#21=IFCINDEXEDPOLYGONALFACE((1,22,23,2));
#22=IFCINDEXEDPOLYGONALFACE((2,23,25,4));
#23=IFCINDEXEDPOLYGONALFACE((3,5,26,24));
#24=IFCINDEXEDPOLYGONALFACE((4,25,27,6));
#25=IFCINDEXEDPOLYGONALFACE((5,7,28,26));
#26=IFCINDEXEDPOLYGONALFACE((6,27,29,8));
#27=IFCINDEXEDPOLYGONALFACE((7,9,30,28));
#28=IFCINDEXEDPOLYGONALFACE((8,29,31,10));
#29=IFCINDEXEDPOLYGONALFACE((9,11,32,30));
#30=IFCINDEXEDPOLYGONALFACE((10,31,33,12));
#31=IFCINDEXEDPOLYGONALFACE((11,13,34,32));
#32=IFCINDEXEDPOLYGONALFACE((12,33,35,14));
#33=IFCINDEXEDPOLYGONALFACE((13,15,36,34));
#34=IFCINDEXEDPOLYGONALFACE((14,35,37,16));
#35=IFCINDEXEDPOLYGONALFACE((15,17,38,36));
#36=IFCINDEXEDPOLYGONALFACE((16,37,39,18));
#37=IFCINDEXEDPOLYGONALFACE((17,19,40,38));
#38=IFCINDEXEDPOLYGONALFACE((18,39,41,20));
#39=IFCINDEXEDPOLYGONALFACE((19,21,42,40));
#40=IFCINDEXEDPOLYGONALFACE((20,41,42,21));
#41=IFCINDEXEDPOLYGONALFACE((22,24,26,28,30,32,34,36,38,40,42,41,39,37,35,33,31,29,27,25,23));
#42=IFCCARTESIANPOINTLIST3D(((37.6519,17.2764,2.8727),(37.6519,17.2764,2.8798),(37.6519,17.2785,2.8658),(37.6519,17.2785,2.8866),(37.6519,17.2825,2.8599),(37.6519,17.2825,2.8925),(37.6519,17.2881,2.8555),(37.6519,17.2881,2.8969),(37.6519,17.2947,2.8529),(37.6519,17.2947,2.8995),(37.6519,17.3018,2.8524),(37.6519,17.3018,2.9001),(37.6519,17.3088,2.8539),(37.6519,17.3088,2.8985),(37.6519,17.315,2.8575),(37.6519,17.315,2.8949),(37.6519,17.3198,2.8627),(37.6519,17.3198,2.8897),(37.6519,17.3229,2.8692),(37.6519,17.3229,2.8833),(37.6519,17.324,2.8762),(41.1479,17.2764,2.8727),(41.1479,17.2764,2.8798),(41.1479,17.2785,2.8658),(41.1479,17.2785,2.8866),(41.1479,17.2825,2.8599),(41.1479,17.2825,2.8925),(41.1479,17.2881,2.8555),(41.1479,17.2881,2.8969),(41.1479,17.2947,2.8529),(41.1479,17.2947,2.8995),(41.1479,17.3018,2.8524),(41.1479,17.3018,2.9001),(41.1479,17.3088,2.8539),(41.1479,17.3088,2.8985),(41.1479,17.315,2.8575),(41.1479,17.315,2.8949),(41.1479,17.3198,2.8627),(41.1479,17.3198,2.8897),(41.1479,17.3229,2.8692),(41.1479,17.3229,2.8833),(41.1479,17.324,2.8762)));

------

**Task to complete**: Word for word, restate all of the data shown above.

**Response to this exercise**:
#21=IFCINDEXEDPOLYGONALFACE((1,22,23,2));
#22=IFCINDEXEDPOLYGONALFACE((2,23,25,4));
#23=IFCINDEXEDPOLYGONALFACE((3,5,26,24));
#24=IFCINDEXEDPOLYGONALFACE((4,25,27,6));
#25=IFCINDEXEDPOLYGONALFACE((5,7,28,26));
#26=IFCINDEXEDPOLYGONALFACE((6,27,29,8));
#27=IFCINDEXEDPOLYGONALFACE((7,9,30,28));
#28=IFCINDEXEDPOLYGONALFACE((8,29,31,10));
#29=IFCINDEXEDPOLYGONALFACE((9,11,32,30));
#30=IFCINDEXEDPOLYGONALFACE((10,31,33,12));
#31=IFCINDEXEDPOLYGONALFACE((11,13,34,32));
#32=IFCINDEXEDPOLYGONALFACE((12,33,35,14));
#33=IFCINDEXEDPOLYGONALFACE((13,15,36,34));
#34=IFCINDEXEDPOLYGONALFACE((14,35,37,16));
#35=IFCINDEXEDPOLYGONALFACE((15,17,38,36));
#36=IFCINDEXEDPOLYGONALFACE((16,37,39,18));
#37=IFCINDEXEDPOLYGONALFACE((17,19,40,38));
#38=IFCINDEXEDPOLYGONALFACE((18,39,41,20));
#39=IFCINDEXEDPOLYGONALFACE((19,21,42,40));
#40=IFCINDEXEDPOLYGONALFACE((20,41,42,21));
#41=IFCINDEXEDPOLYGONALFACE((22,24,26,28,30,32,34,36,38,40,42,41,39,37,35,33,31,29,27,25,23));
#42=IFCCARTESIANPOINTLIST3D(((37.6519,17.2764,2.8727),(37.6519,17.2764,2.8798),(37.6519,17.2785,2.8658),(37.6519,17.2785,2.8866),(37.6519,17.2825,2.8599),(37.6519,17.2825,2.8925),(37.6519,17.2881,2.8555),(37.6519,17.2881,2.8969),(37.6519,17.2947,2.8529),(37.6519,17.2947,2.8995),(37.6519,17.3018,2.8524),(37.6519,17.3018,2.9001),(37.6519,17.3088,2.8539),(37.6519,17.3088,2.8985),(37.6519,17.315,2.8575),(37.6519,17.315,2.8949),(37.6519,17.3198,2.8627),(37.6519,17.3198,2.8897),(37.6519,17.3229,2.8692),(37.6519,17.3229,2.8833),(37.6519,17.324,2.8762),(41.1479,17.2764,2.8727),(41.1479,17.2764,2.8798),(41.1479,17.2785,2.8658),(41.1479,17.2785,2.8866),(41.1479,17.2825,2.8599),(41.1479,17.2825,2.8925),(41.1479,17.2881,2.8555),(41.1479,17.2881,2.8969),(41.1479,17.2947,2.8529),(41.1479,17.2947,2.8995),(41.1479,17.3018,2.8524),(41.1479,17.3018,2.9001),(41.1479,17.3088,2.8539),(41.1479,17.3088,2.8985),(41.1479,17.315,2.8575),(41.1479,17.315,2.8949),(41.1479,17.3198,2.8627),(41.1479,17.3198,2.8897),(41.1479,17.3229,2.8692),(41.1479,17.3229,2.8833),(41.1479,17.324,2.8762)));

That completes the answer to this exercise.